Write back every record verbatim.

━━━━━━

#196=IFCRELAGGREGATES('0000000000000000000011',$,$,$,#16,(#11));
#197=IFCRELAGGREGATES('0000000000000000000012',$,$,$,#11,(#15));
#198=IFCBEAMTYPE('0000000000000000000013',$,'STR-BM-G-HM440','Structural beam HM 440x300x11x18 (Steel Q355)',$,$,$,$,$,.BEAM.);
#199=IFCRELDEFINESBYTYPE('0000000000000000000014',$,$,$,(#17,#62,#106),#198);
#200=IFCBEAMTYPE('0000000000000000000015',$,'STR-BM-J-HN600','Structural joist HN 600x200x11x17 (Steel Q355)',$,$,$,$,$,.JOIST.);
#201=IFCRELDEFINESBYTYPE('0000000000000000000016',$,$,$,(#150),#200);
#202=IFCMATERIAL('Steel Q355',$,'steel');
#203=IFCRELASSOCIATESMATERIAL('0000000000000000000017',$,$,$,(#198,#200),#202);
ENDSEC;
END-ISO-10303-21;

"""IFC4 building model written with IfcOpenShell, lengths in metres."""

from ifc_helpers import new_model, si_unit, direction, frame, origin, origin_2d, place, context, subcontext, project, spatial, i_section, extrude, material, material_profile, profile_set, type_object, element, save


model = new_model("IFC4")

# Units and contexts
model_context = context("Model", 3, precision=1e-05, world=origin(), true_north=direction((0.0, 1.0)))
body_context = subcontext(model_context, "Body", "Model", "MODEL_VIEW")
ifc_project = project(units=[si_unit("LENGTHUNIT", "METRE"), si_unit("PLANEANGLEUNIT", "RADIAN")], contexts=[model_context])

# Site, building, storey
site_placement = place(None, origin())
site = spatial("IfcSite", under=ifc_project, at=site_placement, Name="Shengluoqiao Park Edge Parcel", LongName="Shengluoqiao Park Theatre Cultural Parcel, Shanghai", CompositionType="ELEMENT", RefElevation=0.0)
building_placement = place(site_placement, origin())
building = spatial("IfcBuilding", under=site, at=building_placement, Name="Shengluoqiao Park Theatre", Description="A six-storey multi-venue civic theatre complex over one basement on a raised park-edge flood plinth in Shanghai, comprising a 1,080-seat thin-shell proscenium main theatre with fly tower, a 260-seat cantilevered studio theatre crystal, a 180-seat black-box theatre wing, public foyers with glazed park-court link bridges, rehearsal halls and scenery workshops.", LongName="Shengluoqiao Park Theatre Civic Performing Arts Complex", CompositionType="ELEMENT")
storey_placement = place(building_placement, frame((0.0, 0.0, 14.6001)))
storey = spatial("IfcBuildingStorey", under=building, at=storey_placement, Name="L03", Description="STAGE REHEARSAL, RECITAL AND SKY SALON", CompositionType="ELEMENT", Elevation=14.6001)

━━━━━━

# PROBLEM SOLUTION
#196=IFCRELAGGREGATES('0000000000000000000011',$,$,$,#16,(#11));
#197=IFCRELAGGREGATES('0000000000000000000012',$,$,$,#11,(#15));
#198=IFCBEAMTYPE('0000000000000000000013',$,'STR-BM-G-HM440','Structural beam HM 440x300x11x18 (Steel Q355)',$,$,$,$,$,.BEAM.);
#199=IFCRELDEFINESBYTYPE('0000000000000000000014',$,$,$,(#17,#62,#106),#198);
#200=IFCBEAMTYPE('0000000000000000000015',$,'STR-BM-J-HN600','Structural joist HN 600x200x11x17 (Steel Q355)',$,$,$,$,$,.JOIST.);
#201=IFCRELDEFINESBYTYPE('0000000000000000000016',$,$,$,(#150),#200);
#202=IFCMATERIAL('Steel Q355',$,'steel');
#203=IFCRELASSOCIATESMATERIAL('0000000000000000000017',$,$,$,(#198,#200),#202);
ENDSEC;
END-ISO-10303-21;

"""IFC4 building model written with IfcOpenShell, lengths in metres."""

from ifc_helpers import new_model, si_unit, direction, frame, origin, origin_2d, place, context, subcontext, project, spatial, i_section, extrude, material, material_profile, profile_set, type_object, element, save


model = new_model("IFC4")

# Units and contexts
model_context = context("Model", 3, precision=1e-05, world=origin(), true_north=direction((0.0, 1.0)))
body_context = subcontext(model_context, "Body", "Model", "MODEL_VIEW")
ifc_project = project(units=[si_unit("LENGTHUNIT", "METRE"), si_unit("PLANEANGLEUNIT", "RADIAN")], contexts=[model_context])

# Site, building, storey
site_placement = place(None, origin())
site = spatial("IfcSite", under=ifc_project, at=site_placement, Name="Shengluoqiao Park Edge Parcel", LongName="Shengluoqiao Park Theatre Cultural Parcel, Shanghai", CompositionType="ELEMENT", RefElevation=0.0)
building_placement = place(site_placement, origin())
building = spatial("IfcBuilding", under=site, at=building_placement, Name="Shengluoqiao Park Theatre", Description="A six-storey multi-venue civic theatre complex over one basement on a raised park-edge flood plinth in Shanghai, comprising a 1,080-seat thin-shell proscenium main theatre with fly tower, a 260-seat cantilevered studio theatre crystal, a 180-seat black-box theatre wing, public foyers with glazed park-court link bridges, rehearsal halls and scenery workshops.", LongName="Shengluoqiao Park Theatre Civic Performing Arts Complex", CompositionType="ELEMENT")
storey_placement = place(building_placement, frame((0.0, 0.0, 14.6001)))
storey = spatial("IfcBuildingStorey", under=building, at=storey_placement, Name="L03", Description="STAGE REHEARSAL, RECITAL AND SKY SALON", CompositionType="ELEMENT", Elevation=14.6001)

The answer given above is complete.